Dataset entries:
Start of Block

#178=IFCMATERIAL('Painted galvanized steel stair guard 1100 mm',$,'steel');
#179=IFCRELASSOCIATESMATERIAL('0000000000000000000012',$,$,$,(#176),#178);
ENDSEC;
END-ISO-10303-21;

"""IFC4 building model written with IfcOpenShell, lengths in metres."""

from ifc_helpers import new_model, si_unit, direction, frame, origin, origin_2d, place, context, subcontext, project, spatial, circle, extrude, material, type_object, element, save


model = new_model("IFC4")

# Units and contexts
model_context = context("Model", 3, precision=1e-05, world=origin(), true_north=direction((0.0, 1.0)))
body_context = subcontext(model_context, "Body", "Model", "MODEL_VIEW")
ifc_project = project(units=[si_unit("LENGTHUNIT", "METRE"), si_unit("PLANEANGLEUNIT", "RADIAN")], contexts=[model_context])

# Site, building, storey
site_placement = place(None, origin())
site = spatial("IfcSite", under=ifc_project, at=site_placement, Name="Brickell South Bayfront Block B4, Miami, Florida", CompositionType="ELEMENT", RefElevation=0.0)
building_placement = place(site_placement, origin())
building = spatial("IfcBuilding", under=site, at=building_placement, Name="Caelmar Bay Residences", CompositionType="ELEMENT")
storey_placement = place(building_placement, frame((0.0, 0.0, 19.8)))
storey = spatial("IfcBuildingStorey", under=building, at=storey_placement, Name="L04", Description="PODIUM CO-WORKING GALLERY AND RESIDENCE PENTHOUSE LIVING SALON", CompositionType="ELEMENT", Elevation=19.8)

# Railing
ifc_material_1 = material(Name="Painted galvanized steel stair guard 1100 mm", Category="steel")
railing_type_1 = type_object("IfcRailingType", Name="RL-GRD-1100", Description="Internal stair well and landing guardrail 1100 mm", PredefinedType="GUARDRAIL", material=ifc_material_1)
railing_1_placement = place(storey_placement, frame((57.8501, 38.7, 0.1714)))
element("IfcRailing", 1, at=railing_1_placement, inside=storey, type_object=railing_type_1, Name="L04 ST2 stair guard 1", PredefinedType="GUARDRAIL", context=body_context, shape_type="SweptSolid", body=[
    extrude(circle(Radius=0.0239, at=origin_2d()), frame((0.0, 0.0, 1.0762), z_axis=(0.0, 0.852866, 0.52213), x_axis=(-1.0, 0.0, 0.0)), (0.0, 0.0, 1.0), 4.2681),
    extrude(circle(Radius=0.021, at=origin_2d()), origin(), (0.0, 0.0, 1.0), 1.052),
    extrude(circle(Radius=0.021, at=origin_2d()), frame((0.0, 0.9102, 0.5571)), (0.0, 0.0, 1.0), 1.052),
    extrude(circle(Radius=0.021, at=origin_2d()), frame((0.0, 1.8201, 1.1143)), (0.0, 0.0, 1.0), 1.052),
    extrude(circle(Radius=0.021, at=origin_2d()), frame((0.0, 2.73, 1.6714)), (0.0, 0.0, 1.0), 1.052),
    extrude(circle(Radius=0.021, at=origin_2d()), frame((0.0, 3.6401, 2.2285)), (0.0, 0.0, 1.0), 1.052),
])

End of Block

### [Exercise]
Starting at the line above that contains "site_placement = place(None, origin())", repeat each line exactly up to and including the line that contains "frame((0.0, 0.0, 19.8)))", and stop there.

### [Completed task]
site_placement = place(None, origin())
site = spatial("IfcSite", under=ifc_project, at=site_placement, Name="Brickell South Bayfront Block B4, Miami, Florida", CompositionType="ELEMENT", RefElevation=0.0)
building_placement = place(site_placement, origin())
building = spatial("IfcBuilding", under=site, at=building_placement, Name="Caelmar Bay Residences", CompositionType="ELEMENT")
storey_placement = place(building_placement, frame((0.0, 0.0, 19.8)))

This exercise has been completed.